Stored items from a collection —
○ ○ ○ ○
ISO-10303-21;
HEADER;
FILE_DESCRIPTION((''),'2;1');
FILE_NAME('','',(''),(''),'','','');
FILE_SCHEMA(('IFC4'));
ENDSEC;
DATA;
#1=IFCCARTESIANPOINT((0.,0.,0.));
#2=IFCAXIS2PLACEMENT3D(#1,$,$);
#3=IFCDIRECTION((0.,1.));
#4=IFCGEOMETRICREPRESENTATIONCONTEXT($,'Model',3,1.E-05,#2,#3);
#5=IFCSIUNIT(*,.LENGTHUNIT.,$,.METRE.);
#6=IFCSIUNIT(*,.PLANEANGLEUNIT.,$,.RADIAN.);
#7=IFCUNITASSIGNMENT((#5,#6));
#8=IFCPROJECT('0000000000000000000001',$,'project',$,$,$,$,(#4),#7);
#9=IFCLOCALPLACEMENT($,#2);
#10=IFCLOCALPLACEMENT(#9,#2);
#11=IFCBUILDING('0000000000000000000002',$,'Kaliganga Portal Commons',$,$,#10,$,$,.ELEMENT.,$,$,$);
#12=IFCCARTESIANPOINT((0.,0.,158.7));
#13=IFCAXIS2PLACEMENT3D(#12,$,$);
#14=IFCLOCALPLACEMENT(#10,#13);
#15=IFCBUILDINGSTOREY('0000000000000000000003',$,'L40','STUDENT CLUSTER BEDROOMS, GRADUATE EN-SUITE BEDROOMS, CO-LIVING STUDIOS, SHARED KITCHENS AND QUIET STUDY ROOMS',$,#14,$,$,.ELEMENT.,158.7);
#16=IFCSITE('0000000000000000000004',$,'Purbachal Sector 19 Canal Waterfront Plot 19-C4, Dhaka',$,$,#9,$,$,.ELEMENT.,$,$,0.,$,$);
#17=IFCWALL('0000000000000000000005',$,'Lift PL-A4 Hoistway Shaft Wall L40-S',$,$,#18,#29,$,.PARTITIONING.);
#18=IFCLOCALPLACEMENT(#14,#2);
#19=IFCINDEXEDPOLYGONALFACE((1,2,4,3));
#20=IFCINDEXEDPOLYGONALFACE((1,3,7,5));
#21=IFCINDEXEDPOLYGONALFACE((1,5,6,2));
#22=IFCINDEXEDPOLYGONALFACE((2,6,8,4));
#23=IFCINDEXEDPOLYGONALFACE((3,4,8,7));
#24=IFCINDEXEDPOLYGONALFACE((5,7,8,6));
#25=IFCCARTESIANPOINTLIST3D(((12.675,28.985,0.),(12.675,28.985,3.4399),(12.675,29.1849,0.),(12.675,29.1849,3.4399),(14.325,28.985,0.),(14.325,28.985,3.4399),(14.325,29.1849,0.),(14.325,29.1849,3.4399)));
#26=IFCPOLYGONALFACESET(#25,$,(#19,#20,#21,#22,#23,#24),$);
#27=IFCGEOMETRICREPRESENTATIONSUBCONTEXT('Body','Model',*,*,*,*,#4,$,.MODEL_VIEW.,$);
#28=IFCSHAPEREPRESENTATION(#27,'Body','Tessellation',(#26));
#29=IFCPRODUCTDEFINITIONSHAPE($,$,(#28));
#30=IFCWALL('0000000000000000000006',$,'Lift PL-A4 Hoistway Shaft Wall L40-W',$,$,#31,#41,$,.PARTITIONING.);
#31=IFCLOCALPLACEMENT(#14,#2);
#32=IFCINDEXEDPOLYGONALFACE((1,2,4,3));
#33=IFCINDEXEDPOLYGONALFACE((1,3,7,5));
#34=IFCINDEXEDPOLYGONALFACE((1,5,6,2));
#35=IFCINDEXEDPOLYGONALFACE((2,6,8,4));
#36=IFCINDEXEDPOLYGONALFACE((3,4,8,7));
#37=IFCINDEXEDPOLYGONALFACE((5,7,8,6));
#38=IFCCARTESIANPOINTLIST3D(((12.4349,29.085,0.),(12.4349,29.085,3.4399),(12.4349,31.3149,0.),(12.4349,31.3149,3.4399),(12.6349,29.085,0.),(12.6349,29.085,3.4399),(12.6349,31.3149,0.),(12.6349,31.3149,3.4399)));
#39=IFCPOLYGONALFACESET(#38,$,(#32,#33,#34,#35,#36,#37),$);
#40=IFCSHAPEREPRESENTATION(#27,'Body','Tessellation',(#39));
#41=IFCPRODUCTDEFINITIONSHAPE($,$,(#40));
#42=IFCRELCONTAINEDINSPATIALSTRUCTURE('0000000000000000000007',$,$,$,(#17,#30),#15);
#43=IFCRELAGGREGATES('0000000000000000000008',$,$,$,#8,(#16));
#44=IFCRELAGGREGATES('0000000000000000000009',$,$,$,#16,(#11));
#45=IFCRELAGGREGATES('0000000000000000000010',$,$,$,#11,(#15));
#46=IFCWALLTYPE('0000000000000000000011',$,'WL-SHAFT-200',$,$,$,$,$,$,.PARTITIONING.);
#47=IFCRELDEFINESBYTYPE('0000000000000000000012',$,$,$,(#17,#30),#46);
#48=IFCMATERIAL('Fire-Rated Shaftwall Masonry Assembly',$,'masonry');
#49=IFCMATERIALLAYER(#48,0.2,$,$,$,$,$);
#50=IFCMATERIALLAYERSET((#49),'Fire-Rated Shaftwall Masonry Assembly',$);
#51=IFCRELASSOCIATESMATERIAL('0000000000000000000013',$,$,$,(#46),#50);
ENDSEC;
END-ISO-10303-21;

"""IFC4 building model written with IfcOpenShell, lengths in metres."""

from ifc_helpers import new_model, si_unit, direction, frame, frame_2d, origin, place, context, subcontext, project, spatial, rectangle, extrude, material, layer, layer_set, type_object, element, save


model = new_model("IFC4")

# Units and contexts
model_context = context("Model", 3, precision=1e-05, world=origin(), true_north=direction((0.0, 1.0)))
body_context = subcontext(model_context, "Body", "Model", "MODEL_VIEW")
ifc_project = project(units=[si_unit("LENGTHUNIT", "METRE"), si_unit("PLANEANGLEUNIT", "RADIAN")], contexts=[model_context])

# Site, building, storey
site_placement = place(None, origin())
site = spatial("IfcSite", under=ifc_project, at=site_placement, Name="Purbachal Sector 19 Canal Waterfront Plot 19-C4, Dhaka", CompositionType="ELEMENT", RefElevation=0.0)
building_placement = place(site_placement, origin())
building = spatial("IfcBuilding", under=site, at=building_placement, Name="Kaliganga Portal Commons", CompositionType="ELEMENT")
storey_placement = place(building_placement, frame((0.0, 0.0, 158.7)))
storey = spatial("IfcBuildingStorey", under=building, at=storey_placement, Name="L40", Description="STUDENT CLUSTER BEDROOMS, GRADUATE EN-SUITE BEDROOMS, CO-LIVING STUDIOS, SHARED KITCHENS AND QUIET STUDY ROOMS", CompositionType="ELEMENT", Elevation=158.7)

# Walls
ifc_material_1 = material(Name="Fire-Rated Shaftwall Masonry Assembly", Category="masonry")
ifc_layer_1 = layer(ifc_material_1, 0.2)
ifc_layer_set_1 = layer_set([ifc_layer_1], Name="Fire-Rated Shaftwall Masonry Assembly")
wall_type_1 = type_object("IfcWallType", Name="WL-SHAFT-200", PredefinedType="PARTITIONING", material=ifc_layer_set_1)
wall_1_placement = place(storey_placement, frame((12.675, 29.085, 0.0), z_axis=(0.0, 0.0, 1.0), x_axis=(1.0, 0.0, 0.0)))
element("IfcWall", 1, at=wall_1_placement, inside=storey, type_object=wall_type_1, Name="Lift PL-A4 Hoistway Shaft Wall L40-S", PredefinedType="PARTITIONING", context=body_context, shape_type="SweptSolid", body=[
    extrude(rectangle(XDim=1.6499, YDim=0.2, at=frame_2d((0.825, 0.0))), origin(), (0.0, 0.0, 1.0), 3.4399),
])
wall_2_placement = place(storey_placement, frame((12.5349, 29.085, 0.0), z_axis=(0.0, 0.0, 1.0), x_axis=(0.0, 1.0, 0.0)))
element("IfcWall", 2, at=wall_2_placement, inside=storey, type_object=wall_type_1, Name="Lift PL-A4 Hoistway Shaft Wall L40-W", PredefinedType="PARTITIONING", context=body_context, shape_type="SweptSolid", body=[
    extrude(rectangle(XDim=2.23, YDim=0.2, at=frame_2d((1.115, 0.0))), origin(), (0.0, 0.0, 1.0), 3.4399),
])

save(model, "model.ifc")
○ ○ ○ ○
What needs to be done —
From the records above, determine how many lines hold "IFCSIUNIT" and give only that number.

Exercise output —
2